__About this exercise__: Take the line that contains "#159=IFCPRODUCTDEFINITIONSHAPE($,$,(#158));" as the first line and the final line of the records as the last; return exactly those lines and the lines between.

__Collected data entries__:
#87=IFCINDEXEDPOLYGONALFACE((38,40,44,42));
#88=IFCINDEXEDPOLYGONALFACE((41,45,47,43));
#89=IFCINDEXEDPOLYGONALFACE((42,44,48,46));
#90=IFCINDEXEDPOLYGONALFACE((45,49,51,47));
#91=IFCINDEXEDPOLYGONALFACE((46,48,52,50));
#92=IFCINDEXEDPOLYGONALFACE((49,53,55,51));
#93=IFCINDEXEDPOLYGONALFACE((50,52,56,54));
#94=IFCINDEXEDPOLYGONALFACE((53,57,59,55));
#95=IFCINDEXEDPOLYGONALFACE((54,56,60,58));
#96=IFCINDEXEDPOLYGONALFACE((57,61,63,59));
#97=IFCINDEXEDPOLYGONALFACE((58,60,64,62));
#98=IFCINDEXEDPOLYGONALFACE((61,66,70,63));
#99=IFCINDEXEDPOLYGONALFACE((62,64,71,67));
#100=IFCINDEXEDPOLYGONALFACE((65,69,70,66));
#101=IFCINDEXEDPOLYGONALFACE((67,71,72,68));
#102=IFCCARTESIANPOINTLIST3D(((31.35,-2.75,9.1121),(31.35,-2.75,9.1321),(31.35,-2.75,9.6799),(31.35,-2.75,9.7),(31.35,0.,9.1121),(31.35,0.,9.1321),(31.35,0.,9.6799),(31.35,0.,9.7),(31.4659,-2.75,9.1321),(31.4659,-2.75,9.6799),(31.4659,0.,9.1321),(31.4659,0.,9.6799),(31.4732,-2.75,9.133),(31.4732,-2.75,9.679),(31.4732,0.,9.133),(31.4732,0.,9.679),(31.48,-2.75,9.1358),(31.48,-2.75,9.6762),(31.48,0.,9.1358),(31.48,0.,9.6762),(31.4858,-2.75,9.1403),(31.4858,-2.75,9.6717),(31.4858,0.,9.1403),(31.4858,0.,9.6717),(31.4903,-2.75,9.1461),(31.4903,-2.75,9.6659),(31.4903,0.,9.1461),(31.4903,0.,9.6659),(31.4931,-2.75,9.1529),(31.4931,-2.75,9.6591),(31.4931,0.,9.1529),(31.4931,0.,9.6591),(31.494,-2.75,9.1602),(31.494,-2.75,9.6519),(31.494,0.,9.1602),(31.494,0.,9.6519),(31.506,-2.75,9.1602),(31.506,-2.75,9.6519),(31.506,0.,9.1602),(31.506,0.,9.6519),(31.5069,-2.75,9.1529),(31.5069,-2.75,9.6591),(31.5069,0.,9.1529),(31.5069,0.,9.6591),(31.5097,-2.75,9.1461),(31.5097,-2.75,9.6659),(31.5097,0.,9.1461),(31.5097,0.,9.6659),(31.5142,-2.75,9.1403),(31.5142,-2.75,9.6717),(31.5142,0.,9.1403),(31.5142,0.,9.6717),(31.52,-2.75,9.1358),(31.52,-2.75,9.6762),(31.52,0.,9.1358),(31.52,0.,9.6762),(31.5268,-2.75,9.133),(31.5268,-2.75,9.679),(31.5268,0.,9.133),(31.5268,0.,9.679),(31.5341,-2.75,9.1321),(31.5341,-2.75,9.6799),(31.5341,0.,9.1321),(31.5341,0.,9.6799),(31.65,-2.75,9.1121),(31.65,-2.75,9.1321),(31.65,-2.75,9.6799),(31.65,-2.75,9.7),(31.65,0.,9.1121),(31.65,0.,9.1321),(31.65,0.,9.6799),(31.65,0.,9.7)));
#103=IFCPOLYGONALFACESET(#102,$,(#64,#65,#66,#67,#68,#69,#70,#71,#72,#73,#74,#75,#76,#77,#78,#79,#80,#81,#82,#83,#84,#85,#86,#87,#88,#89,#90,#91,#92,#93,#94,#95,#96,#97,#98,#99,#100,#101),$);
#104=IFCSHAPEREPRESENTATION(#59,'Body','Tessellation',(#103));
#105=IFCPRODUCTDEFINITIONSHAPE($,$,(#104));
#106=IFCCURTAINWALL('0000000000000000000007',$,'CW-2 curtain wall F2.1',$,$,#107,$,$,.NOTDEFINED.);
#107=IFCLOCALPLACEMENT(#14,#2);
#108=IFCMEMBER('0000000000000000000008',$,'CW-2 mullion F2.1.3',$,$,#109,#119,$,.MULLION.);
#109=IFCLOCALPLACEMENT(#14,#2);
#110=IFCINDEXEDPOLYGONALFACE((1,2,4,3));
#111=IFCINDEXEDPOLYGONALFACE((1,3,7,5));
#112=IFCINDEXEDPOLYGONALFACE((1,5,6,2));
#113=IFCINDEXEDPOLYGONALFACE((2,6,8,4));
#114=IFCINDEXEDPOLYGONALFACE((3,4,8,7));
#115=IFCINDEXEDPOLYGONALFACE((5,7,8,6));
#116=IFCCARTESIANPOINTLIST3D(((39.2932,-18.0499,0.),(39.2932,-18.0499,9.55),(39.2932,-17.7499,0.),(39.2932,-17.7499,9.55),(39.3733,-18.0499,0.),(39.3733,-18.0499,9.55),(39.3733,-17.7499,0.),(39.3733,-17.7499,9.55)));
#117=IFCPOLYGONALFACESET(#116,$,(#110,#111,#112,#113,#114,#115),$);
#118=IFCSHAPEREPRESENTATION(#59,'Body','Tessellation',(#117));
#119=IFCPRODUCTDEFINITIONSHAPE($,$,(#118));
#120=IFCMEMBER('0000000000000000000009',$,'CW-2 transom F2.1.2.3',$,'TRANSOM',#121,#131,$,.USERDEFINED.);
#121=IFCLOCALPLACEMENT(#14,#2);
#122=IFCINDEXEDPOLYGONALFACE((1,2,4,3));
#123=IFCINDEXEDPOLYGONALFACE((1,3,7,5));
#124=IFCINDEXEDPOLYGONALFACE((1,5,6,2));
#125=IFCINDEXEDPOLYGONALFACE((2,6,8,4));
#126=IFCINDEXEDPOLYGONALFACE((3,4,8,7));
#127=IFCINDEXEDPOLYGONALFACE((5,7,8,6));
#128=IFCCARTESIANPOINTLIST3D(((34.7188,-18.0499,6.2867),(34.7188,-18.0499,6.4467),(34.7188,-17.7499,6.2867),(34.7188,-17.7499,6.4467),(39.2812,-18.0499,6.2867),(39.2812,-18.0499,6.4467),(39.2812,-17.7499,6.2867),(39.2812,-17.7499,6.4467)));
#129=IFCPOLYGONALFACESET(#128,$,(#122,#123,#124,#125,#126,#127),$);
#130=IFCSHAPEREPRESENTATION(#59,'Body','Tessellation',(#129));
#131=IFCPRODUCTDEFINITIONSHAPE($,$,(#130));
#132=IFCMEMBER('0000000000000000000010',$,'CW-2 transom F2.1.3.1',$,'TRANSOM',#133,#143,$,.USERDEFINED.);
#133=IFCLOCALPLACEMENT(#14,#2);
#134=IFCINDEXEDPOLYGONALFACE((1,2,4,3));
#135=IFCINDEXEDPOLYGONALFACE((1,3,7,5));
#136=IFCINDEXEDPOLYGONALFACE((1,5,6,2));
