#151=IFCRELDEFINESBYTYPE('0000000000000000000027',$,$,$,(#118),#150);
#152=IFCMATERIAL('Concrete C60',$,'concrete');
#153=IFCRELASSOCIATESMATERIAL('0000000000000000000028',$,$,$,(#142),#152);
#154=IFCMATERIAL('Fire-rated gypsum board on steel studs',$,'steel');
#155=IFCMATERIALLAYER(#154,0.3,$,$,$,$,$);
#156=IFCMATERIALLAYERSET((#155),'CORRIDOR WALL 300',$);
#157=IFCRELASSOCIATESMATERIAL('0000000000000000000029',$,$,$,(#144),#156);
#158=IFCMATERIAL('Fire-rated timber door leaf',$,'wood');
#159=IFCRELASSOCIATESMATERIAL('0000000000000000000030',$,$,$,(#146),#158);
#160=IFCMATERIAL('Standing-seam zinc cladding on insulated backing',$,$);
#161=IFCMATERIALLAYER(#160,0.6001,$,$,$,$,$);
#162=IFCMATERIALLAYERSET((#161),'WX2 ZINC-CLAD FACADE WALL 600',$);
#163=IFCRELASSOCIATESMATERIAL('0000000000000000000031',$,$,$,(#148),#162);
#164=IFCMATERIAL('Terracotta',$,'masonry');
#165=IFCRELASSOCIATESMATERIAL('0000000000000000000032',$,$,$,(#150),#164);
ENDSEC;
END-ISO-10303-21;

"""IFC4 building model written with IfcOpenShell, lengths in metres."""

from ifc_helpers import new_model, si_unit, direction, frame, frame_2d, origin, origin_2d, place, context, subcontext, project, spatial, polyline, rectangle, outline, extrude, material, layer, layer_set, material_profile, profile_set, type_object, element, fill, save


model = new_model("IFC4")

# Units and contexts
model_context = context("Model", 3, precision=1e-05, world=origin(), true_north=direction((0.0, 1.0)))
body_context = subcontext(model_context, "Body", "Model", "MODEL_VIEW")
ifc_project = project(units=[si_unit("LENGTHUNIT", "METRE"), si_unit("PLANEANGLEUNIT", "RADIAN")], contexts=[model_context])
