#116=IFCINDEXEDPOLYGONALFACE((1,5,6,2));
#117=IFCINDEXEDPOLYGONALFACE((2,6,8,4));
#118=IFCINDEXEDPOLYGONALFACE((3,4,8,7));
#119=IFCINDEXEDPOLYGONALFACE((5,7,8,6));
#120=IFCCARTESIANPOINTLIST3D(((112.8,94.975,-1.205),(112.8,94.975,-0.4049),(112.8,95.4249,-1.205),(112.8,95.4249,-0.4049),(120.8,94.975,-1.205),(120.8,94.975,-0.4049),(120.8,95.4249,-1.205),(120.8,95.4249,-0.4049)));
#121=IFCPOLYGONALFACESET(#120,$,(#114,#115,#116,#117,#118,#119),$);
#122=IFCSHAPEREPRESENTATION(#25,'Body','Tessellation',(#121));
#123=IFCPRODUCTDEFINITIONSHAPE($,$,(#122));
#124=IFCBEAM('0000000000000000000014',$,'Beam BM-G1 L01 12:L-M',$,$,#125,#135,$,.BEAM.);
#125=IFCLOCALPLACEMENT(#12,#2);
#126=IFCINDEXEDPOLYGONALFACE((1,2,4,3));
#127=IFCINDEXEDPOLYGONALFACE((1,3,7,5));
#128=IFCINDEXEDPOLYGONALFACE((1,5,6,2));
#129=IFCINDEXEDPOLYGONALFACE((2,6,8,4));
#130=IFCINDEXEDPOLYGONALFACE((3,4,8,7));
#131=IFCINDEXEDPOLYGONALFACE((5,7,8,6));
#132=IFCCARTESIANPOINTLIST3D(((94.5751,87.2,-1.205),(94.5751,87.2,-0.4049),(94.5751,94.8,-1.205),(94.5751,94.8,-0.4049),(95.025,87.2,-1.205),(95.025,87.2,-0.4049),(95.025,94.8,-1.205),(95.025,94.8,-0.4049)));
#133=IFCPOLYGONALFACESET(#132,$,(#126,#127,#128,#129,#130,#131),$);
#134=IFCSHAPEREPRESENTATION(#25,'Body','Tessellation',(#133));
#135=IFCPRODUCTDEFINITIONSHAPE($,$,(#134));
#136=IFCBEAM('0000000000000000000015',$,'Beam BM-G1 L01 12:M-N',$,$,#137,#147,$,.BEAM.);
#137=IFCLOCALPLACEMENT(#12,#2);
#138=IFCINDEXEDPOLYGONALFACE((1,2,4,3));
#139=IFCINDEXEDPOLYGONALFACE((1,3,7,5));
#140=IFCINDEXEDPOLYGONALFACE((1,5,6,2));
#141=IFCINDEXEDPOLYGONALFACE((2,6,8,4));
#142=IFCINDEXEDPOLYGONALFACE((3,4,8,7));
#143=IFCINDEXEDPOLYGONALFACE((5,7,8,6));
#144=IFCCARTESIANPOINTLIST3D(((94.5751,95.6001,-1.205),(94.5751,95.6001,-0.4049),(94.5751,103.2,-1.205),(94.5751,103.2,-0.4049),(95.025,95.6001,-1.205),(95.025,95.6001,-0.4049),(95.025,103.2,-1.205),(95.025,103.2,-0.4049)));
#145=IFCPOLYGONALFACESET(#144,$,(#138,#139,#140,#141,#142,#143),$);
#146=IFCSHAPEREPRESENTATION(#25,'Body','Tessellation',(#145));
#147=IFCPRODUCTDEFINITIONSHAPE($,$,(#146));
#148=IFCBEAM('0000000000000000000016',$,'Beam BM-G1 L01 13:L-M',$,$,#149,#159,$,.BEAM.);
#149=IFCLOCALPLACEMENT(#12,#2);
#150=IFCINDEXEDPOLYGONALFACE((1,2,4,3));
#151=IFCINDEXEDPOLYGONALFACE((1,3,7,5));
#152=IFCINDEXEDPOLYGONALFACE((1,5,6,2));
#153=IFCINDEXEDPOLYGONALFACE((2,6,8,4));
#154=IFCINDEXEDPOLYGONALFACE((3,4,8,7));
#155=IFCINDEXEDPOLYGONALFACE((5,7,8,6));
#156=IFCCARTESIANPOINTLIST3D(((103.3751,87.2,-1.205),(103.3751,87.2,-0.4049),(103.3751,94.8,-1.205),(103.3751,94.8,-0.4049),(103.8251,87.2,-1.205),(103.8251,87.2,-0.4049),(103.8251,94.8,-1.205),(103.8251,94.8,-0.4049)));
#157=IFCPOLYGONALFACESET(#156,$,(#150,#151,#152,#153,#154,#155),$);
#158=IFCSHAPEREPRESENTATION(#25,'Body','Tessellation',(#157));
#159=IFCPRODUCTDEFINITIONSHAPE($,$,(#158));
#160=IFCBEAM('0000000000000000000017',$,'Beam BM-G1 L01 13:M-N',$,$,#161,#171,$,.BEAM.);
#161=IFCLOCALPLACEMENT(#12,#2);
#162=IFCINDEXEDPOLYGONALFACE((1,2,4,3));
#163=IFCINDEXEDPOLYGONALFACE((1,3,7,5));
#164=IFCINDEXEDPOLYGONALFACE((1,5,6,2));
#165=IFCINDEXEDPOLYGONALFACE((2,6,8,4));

__Response to the exercise__:
#159=IFCPRODUCTDEFINITIONSHAPE($,$,(#158));
#160=IFCBEAM('0000000000000000000017',$,'Beam BM-G1 L01 13:M-N',$,$,#161,#171,$,.BEAM.);
#161=IFCLOCALPLACEMENT(#12,#2);
#162=IFCINDEXEDPOLYGONALFACE((1,2,4,3));
#163=IFCINDEXEDPOLYGONALFACE((1,3,7,5));
#164=IFCINDEXEDPOLYGONALFACE((1,5,6,2));
#165=IFCINDEXEDPOLYGONALFACE((2,6,8,4));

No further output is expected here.